- _The data_
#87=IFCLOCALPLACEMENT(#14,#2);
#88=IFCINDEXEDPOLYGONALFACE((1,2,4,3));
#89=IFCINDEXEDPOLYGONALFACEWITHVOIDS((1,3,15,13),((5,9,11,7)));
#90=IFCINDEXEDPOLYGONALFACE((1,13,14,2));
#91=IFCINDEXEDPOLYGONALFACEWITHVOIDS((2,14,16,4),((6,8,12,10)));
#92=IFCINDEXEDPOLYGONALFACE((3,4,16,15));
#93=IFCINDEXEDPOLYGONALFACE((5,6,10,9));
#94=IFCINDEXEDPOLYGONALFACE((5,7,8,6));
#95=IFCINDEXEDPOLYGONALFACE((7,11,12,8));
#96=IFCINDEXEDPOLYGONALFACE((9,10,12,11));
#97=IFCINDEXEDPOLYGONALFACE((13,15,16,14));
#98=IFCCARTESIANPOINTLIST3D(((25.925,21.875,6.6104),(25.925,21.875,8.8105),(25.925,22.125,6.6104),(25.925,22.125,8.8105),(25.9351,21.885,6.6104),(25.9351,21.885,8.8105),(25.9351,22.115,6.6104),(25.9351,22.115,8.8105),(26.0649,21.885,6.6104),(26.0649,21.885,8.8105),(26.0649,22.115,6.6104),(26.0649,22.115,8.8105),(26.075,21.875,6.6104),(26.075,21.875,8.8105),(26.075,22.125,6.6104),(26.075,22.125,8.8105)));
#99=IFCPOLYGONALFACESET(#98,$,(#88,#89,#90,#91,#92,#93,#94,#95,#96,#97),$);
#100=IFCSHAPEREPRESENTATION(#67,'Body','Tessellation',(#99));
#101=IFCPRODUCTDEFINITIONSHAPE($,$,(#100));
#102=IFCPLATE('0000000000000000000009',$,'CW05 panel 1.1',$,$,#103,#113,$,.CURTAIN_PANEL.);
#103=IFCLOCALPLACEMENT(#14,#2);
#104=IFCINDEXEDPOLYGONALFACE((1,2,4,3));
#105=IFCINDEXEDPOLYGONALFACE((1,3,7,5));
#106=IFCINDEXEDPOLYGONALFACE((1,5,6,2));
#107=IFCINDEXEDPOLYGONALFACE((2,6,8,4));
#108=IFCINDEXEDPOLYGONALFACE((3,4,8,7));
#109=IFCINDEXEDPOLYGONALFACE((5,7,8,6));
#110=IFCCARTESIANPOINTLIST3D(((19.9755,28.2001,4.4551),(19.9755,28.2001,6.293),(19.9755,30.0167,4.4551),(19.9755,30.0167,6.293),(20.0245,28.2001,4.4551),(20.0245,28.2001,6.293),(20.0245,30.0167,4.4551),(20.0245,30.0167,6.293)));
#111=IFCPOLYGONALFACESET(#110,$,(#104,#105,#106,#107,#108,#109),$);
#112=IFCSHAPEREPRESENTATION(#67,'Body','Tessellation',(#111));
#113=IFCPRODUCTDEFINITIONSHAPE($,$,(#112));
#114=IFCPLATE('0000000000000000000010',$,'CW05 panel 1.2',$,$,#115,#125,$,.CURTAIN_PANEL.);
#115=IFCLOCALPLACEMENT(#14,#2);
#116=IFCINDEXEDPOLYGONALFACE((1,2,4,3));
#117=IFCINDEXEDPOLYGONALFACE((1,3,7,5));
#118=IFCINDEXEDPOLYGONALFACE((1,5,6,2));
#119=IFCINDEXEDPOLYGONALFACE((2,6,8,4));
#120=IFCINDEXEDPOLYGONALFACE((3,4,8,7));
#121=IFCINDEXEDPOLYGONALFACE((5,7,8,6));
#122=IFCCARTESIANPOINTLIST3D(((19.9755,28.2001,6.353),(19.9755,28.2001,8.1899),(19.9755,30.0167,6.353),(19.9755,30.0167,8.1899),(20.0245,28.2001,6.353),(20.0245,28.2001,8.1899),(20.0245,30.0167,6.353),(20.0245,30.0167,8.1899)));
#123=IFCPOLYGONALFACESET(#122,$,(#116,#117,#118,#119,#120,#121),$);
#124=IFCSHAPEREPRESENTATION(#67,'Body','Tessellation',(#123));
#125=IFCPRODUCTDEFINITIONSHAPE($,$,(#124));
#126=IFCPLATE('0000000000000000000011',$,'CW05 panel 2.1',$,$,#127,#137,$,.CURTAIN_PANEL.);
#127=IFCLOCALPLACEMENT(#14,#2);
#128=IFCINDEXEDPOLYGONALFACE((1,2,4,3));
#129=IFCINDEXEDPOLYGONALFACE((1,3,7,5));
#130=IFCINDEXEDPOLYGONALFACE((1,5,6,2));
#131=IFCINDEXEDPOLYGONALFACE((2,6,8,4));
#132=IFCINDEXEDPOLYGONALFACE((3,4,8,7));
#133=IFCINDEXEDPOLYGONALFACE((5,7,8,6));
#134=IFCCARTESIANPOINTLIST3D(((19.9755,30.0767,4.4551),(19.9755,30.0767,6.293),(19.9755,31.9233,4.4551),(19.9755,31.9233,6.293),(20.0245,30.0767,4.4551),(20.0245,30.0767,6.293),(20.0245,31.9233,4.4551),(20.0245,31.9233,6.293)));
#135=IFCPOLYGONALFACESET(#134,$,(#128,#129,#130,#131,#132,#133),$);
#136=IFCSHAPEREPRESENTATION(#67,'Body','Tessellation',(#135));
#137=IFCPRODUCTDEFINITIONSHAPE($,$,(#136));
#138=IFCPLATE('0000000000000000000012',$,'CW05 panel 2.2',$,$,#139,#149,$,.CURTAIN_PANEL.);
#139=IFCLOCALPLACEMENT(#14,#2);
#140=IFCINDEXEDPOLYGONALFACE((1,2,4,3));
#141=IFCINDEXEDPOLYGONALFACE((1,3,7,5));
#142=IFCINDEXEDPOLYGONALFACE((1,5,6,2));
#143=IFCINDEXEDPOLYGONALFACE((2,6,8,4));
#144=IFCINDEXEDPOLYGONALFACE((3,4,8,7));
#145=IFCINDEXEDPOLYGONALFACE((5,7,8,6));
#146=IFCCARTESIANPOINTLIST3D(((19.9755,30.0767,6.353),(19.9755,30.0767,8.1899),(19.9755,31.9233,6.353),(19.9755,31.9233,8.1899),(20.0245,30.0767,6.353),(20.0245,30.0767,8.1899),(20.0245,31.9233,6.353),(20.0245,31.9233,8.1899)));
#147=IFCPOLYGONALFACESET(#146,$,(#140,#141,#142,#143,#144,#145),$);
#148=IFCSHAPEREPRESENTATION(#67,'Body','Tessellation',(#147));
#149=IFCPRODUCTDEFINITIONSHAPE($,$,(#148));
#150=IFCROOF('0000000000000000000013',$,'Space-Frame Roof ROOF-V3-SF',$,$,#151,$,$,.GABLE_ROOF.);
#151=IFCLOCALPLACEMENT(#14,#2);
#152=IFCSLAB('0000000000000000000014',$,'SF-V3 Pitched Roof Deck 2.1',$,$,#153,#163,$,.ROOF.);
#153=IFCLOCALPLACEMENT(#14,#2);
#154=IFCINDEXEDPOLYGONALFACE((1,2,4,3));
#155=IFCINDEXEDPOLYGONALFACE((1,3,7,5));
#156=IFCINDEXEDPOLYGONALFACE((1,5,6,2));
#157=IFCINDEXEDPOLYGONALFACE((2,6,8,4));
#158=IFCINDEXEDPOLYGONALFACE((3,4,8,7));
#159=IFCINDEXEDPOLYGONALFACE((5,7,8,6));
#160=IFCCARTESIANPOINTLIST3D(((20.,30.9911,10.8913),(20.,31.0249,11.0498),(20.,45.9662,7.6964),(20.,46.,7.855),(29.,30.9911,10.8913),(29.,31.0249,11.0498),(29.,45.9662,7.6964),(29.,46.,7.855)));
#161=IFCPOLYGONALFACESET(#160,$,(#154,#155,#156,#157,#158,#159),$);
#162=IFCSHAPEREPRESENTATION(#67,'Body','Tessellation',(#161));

- _Requirement_
Would you please copy, word for word, everything above from the line containing "#142=IFCINDEXEDPOLYGONALFACE((1,5,6,2));" down to the line containing "#145=IFCINDEXEDPOLYGONALFACE((5,7,8,6));", those two lines included?

- _The answer_
#142=IFCINDEXEDPOLYGONALFACE((1,5,6,2));
#143=IFCINDEXEDPOLYGONALFACE((2,6,8,4));
#144=IFCINDEXEDPOLYGONALFACE((3,4,8,7));
#145=IFCINDEXEDPOLYGONALFACE((5,7,8,6));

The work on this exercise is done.